◆ REQUIRED ACTION
If a line in the data below contains "Tazarka", copy it.

TASK INPUTS below:

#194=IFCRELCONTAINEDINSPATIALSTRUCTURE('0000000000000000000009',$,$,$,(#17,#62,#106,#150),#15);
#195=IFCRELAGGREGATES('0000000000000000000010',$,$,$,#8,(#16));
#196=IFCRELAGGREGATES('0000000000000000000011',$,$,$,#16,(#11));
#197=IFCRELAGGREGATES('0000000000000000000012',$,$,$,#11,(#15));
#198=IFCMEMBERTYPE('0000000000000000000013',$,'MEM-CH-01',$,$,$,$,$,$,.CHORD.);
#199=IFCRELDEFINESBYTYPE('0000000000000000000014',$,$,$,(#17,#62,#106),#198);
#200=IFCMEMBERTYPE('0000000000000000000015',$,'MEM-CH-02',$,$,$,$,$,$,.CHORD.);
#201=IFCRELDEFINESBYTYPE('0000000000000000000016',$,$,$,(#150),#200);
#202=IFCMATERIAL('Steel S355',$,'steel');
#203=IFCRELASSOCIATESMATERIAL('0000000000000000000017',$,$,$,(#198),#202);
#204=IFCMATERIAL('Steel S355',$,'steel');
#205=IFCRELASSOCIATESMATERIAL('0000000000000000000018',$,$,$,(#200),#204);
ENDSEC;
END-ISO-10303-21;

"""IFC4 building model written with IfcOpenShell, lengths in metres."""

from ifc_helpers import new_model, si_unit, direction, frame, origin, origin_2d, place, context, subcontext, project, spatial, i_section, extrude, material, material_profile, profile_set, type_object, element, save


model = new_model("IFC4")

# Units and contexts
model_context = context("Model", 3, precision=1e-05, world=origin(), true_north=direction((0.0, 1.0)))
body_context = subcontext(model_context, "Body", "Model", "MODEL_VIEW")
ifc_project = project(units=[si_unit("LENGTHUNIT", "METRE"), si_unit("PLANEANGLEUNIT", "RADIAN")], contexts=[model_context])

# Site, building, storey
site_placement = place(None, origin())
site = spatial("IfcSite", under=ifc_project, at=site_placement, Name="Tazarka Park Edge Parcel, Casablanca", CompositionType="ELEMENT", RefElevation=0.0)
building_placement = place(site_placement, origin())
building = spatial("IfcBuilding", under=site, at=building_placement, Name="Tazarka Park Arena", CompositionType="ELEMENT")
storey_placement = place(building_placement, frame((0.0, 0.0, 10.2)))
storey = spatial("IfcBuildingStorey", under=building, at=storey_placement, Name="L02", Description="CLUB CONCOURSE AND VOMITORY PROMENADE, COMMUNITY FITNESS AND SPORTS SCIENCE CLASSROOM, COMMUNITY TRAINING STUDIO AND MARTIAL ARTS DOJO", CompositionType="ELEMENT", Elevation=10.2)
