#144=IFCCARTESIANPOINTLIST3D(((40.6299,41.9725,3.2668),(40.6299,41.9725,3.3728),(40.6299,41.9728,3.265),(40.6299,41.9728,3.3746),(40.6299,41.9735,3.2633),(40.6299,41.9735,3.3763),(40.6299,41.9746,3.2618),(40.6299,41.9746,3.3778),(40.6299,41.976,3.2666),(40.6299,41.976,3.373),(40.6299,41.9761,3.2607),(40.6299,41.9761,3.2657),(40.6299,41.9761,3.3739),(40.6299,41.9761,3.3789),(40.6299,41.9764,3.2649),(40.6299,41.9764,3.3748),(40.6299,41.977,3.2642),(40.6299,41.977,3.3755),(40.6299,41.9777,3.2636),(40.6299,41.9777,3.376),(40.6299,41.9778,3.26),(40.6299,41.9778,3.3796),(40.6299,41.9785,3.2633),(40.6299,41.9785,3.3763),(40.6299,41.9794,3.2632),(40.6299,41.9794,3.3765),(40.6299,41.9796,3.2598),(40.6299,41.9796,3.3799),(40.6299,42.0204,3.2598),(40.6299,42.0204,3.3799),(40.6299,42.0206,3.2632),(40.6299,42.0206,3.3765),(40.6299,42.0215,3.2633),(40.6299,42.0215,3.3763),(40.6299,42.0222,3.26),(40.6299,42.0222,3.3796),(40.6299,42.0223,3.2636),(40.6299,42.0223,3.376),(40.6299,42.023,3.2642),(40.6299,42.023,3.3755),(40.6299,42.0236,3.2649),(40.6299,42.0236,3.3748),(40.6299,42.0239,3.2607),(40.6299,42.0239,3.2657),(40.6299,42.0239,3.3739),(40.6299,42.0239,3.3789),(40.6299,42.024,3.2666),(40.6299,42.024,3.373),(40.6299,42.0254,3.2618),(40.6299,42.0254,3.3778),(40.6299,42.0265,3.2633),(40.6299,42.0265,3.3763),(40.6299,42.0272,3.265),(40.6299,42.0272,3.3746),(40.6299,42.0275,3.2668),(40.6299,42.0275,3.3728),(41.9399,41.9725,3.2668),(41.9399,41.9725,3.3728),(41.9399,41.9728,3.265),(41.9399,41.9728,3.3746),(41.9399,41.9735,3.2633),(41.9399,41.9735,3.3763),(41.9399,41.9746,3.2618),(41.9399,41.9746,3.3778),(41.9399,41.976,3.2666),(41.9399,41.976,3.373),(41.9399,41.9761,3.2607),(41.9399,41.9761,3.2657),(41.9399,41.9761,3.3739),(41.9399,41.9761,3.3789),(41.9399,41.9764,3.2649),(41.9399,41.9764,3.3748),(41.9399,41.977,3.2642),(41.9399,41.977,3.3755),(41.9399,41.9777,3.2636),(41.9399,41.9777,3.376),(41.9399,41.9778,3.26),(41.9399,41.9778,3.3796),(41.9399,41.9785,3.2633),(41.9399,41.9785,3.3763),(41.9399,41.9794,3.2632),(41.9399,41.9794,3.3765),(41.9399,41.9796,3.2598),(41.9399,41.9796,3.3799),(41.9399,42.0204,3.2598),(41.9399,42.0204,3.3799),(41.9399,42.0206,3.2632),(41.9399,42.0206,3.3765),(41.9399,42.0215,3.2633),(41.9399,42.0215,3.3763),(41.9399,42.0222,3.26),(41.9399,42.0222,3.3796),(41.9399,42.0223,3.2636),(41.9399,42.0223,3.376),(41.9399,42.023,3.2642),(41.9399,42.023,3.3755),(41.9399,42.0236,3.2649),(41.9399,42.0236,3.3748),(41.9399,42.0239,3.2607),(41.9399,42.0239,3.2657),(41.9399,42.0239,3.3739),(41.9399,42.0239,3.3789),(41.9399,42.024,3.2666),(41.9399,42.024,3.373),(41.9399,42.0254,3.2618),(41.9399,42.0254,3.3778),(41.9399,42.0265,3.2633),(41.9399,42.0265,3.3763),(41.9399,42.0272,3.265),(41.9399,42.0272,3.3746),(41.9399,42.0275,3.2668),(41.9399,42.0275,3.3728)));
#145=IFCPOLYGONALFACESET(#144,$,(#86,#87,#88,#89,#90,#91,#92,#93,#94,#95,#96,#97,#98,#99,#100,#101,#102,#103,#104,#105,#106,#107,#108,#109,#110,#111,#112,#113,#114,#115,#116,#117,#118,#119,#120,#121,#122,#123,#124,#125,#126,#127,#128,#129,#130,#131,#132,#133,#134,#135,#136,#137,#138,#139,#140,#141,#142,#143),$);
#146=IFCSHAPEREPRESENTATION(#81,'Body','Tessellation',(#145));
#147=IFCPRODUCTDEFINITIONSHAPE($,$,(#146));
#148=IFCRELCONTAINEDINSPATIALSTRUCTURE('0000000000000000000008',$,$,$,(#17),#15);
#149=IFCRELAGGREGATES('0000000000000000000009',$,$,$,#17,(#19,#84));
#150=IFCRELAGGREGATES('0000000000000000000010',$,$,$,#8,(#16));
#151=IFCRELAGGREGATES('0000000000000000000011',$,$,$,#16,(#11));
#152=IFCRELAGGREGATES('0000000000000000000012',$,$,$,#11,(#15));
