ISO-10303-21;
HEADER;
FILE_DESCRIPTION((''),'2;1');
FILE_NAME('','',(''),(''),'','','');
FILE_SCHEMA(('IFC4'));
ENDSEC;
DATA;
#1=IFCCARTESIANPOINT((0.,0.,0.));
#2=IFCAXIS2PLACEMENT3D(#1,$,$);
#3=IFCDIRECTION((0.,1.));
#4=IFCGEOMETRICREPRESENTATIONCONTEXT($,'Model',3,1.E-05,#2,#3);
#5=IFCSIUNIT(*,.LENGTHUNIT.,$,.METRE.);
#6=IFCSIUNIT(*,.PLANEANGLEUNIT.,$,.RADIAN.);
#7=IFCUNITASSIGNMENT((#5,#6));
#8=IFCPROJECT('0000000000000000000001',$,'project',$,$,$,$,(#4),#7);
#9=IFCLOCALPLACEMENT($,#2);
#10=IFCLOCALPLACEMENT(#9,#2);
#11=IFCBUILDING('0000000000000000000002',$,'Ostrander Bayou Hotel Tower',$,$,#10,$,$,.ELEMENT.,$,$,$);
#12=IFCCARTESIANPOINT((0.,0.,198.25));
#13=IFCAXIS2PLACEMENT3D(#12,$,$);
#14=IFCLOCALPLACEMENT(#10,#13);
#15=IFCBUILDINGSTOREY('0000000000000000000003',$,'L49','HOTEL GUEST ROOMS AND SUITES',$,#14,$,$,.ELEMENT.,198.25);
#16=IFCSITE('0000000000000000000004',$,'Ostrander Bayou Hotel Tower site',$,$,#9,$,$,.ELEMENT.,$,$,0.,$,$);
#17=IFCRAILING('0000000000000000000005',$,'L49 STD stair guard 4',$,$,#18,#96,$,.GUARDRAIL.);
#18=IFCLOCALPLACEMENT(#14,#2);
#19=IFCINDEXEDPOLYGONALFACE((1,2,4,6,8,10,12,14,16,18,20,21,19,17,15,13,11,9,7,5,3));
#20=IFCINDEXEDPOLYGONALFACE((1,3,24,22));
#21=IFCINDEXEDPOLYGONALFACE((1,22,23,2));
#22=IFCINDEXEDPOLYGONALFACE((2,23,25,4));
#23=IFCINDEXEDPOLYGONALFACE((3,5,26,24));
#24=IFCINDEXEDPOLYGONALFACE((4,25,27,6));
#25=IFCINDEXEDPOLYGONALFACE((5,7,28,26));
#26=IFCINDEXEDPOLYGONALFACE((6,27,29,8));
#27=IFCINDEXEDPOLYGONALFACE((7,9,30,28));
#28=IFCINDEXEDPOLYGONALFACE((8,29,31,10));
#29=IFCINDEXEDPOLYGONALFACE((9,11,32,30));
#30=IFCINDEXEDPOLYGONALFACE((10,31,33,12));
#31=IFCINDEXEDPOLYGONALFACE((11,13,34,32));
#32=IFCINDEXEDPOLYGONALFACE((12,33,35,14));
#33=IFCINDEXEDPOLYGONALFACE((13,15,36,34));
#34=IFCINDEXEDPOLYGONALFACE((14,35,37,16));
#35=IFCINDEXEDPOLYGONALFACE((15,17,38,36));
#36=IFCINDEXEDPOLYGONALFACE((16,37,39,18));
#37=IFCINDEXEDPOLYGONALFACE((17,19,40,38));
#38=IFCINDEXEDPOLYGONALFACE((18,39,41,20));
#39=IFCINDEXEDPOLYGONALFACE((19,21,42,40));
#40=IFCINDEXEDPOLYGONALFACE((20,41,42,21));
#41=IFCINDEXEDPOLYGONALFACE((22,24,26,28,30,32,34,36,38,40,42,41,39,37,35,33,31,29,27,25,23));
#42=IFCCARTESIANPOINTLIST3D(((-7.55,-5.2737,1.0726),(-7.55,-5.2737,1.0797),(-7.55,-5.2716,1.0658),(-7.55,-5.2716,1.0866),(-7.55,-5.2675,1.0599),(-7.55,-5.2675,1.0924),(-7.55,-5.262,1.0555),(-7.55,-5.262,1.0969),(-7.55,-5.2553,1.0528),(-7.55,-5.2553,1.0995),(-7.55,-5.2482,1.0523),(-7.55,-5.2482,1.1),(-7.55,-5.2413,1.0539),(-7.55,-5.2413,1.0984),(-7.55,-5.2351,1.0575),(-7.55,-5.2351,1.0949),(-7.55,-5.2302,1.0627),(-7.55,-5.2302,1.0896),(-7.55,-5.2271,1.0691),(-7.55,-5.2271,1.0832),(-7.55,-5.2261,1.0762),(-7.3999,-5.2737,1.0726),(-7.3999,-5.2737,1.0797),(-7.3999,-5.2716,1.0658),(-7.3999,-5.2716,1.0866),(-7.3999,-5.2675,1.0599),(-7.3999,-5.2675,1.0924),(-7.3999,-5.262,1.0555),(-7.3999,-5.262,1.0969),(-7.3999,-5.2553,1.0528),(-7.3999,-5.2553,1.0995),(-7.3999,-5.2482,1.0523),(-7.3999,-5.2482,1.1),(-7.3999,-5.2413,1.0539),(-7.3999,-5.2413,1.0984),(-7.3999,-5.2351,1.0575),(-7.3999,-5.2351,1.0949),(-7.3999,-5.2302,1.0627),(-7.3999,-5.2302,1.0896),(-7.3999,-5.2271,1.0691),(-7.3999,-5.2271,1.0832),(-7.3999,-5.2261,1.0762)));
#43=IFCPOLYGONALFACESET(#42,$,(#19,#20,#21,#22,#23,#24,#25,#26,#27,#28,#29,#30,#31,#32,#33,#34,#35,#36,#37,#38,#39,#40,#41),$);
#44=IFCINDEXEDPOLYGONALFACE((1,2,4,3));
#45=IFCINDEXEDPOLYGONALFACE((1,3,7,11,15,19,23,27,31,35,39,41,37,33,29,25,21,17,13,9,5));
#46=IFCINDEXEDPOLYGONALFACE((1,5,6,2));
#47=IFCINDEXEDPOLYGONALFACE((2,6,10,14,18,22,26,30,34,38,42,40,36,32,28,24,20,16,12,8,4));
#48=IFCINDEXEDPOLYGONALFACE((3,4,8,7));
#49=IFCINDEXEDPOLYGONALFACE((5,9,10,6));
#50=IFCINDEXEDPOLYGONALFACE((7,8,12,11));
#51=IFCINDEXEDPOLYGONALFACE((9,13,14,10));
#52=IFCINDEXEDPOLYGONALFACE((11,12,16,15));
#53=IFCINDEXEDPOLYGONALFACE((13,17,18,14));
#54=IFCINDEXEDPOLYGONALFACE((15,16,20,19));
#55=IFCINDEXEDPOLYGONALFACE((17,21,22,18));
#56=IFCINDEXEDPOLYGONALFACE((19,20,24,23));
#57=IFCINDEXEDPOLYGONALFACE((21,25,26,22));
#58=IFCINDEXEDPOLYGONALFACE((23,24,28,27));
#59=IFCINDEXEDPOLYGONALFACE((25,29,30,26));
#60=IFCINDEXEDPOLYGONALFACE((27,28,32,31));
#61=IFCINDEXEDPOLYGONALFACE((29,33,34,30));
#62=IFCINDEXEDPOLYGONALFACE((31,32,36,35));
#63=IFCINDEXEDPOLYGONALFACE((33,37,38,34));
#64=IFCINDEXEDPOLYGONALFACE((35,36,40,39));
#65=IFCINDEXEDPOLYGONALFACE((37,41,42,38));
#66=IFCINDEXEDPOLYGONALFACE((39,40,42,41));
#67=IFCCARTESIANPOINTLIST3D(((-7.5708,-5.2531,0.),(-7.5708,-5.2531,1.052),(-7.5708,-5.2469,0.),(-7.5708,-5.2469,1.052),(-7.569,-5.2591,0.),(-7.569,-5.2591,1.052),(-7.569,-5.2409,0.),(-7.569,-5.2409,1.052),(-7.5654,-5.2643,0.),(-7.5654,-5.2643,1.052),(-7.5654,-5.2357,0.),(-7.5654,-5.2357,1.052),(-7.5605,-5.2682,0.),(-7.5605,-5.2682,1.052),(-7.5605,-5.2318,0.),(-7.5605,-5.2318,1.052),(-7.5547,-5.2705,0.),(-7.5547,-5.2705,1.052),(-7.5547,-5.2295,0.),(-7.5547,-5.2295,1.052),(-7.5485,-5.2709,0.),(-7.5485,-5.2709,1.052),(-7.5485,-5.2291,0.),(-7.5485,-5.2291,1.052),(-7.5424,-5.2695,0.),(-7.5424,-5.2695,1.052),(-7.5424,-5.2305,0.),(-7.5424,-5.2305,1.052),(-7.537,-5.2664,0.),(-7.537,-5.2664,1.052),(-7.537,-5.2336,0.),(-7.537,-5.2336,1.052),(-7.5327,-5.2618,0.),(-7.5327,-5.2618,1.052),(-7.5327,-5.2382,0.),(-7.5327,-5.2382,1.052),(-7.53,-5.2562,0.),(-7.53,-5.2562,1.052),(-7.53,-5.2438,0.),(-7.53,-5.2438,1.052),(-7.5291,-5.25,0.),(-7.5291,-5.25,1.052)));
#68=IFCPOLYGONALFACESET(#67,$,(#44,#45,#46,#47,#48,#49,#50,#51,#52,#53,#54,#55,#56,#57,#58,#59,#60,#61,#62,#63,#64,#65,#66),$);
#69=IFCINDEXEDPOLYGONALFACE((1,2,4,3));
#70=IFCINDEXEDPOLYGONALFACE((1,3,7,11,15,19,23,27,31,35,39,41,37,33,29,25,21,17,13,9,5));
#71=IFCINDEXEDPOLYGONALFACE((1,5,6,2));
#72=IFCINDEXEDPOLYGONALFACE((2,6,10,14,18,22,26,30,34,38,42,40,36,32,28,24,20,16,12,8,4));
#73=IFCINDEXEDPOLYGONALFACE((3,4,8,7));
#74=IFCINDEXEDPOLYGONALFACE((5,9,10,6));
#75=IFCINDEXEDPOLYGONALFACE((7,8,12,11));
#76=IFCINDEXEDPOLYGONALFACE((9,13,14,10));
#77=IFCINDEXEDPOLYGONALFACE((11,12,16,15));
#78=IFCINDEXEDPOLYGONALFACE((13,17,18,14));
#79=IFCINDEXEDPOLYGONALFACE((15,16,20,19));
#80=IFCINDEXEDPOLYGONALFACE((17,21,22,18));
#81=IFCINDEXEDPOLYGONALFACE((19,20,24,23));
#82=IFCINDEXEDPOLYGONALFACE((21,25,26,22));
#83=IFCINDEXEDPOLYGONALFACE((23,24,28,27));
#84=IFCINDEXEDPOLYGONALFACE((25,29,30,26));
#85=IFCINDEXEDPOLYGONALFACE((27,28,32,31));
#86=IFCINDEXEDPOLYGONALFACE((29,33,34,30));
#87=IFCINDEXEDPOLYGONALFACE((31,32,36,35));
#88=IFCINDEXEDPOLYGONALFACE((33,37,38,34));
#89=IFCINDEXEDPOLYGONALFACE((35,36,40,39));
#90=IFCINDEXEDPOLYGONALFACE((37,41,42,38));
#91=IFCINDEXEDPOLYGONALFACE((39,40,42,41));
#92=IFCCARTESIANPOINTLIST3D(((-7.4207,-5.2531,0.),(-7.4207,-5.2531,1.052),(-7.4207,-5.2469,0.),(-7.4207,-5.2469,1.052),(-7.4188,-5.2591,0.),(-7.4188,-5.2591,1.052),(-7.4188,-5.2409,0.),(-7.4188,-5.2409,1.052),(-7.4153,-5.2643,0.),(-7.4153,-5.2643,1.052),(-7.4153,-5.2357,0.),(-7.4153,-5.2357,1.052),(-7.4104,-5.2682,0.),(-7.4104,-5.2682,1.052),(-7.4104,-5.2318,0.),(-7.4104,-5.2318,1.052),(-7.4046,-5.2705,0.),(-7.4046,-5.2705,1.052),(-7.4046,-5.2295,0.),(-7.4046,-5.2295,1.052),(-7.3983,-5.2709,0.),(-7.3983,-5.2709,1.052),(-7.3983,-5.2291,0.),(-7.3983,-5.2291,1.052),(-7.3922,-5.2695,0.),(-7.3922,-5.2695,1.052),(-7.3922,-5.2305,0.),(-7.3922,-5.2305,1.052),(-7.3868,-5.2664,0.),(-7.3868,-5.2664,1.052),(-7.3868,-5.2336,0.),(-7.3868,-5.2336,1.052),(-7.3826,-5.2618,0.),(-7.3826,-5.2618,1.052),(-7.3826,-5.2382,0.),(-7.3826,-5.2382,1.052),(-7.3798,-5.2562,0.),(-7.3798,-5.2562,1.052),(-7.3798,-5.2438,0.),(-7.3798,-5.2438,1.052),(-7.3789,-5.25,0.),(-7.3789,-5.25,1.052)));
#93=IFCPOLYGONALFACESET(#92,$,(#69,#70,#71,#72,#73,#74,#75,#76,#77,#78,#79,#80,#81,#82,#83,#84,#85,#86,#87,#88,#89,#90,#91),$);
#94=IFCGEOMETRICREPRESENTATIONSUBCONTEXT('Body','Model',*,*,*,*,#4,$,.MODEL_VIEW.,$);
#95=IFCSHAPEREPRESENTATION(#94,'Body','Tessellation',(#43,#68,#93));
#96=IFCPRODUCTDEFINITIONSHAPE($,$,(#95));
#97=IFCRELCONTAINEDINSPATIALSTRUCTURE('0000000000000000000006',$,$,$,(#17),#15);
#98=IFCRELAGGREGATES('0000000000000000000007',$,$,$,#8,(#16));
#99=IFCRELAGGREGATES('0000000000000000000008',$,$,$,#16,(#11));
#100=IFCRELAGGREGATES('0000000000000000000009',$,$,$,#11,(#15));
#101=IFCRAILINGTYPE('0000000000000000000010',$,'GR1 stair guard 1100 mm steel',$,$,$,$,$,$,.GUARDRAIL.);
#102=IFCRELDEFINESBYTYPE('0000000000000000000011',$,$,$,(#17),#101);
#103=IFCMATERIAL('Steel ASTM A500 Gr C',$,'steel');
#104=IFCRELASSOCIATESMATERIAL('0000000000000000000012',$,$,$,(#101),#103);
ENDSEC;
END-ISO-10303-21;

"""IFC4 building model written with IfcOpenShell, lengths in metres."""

from ifc_helpers import new_model, si_unit, direction, frame, origin, origin_2d, place, context, subcontext, project, spatial, circle, extrude, material, type_object, element, save


model = new_model("IFC4")

# Units and contexts
model_context = context("Model", 3, precision=1e-05, world=origin(), true_north=direction((0.0, 1.0)))
body_context = subcontext(model_context, "Body", "Model", "MODEL_VIEW")
ifc_project = project(units=[si_unit("LENGTHUNIT", "METRE"), si_unit("PLANEANGLEUNIT", "RADIAN")], contexts=[model_context])

# Site, building, storey
site_placement = place(None, origin())
site = spatial("IfcSite", under=ifc_project, at=site_placement, Name="Ostrander Bayou Hotel Tower site", CompositionType="ELEMENT", RefElevation=0.0)
building_placement = place(site_placement, origin())
building = spatial("IfcBuilding", under=site, at=building_placement, Name="Ostrander Bayou Hotel Tower", CompositionType="ELEMENT")
storey_placement = place(building_placement, frame((0.0, 0.0, 198.25)))
storey = spatial("IfcBuildingStorey", under=building, at=storey_placement, Name="L49", Description="HOTEL GUEST ROOMS AND SUITES", CompositionType="ELEMENT", Elevation=198.25)

# Railing
ifc_material_1 = material(Name="Steel ASTM A500 Gr C", Category="steel")
railing_type_1 = type_object("IfcRailingType", Name="GR1 stair guard 1100 mm steel", PredefinedType="GUARDRAIL", material=ifc_material_1)
railing_1_placement = place(storey_placement, frame((-7.55, -5.25, 0.0)))
element("IfcRailing", 1, at=railing_1_placement, inside=storey, type_object=railing_type_1, Name="L49 STD stair guard 4", PredefinedType="GUARDRAIL", context=body_context, shape_type="SweptSolid", body=[
    extrude(circle(Radius=0.0239, at=origin_2d()), frame((0.0, 0.0, 1.0762), z_axis=(1.0, 0.0, 0.0), x_axis=(0.0, 1.0, 0.0)), (0.0, 0.0, 1.0), 0.1501),
    extrude(circle(Radius=0.021, at=origin_2d()), origin(), (0.0, 0.0, 1.0), 1.052),
    extrude(circle(Radius=0.021, at=origin_2d()), frame((0.1501, 0.0, 0.0)), (0.0, 0.0, 1.0), 1.052),
])

save(model, "model.ifc")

End of TASK INPUTS.

◆ SOLUTION FOR THIS PROBLEM
site = spatial("IfcSite", under=ifc_project, at=site_placement, Name="Tazarka Park Edge Parcel, Casablanca", CompositionType="ELEMENT", RefElevation=0.0)
building = spatial("IfcBuilding", under=site, at=building_placement, Name="Tazarka Park Arena", CompositionType="ELEMENT")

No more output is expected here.